**Exercise aim:**
Extract each line holding the word "IFCPOLYGONALFACESET" from the entries.

**Stored items:**
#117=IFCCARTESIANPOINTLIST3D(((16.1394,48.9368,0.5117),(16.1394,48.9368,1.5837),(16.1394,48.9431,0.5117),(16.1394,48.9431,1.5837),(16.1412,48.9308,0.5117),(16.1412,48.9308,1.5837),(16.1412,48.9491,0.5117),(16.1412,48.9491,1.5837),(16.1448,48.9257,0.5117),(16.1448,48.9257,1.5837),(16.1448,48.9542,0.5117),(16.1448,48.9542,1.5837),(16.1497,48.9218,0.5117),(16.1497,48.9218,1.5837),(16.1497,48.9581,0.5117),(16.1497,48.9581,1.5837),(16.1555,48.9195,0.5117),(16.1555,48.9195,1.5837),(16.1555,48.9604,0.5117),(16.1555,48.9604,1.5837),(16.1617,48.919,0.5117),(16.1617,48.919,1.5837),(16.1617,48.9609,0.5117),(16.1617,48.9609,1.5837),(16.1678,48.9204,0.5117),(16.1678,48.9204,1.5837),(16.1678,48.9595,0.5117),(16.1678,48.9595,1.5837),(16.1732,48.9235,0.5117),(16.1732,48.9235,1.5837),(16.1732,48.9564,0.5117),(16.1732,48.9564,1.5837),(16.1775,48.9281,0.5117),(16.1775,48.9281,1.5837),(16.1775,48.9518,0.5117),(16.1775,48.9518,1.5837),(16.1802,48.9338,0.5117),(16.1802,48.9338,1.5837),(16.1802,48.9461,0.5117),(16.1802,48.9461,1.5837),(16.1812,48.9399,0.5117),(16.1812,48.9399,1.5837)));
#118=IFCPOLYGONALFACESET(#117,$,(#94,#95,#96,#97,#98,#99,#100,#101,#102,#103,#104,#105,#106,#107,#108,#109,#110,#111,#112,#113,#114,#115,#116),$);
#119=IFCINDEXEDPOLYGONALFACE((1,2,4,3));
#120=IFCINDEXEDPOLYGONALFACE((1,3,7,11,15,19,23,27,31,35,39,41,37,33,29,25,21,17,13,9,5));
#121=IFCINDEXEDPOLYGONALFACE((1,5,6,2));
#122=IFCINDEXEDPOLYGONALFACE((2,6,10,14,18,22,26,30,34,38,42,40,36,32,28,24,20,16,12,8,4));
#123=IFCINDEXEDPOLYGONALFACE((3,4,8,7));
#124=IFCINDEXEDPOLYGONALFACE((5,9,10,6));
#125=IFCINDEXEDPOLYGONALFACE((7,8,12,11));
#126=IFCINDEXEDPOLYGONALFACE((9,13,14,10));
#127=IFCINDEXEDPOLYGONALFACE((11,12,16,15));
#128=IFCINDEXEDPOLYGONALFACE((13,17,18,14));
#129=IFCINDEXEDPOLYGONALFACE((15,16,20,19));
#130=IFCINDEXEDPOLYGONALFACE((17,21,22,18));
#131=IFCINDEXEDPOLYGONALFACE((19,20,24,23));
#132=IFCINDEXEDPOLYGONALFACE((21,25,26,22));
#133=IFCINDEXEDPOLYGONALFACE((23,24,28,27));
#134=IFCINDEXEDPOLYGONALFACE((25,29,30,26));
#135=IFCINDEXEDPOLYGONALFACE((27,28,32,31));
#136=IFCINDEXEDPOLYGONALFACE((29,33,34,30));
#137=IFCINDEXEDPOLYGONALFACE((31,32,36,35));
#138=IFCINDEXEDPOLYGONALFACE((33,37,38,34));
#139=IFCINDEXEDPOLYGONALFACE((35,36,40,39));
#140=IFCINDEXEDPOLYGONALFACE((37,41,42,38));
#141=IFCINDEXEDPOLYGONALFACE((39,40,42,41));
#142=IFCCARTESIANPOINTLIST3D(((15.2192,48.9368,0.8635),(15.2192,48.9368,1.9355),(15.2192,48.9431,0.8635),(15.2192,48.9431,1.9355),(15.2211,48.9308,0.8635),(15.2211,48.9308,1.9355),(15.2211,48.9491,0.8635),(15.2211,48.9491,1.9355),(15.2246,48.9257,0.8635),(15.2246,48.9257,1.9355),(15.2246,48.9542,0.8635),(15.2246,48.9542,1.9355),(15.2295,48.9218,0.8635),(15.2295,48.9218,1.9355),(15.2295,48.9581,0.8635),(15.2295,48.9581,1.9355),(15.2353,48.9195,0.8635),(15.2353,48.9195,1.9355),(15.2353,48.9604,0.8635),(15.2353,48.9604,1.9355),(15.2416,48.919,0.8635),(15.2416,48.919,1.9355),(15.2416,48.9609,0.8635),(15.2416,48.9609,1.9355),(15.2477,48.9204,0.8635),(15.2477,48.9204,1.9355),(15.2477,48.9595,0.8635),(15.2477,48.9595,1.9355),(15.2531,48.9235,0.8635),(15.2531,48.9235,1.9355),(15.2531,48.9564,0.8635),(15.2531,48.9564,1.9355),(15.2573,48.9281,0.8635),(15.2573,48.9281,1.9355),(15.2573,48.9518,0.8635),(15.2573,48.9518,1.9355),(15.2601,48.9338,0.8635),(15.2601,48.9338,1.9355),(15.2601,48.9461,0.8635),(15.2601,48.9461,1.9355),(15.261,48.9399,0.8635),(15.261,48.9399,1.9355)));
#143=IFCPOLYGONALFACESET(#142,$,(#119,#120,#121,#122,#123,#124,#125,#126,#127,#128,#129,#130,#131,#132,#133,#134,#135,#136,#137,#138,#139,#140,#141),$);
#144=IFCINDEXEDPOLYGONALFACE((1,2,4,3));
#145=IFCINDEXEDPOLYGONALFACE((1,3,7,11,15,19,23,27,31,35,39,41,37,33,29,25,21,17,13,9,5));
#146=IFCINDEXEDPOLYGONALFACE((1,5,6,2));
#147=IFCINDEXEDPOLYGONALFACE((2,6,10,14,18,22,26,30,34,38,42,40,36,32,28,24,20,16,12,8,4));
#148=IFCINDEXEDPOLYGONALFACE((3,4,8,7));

**Answer:**
#118=IFCPOLYGONALFACESET(#117,$,(#94,#95,#96,#97,#98,#99,#100,#101,#102,#103,#104,#105,#106,#107,#108,#109,#110,#111,#112,#113,#114,#115,#116),$);
#143=IFCPOLYGONALFACESET(#142,$,(#119,#120,#121,#122,#123,#124,#125,#126,#127,#128,#129,#130,#131,#132,#133,#134,#135,#136,#137,#138,#139,#140,#141),$);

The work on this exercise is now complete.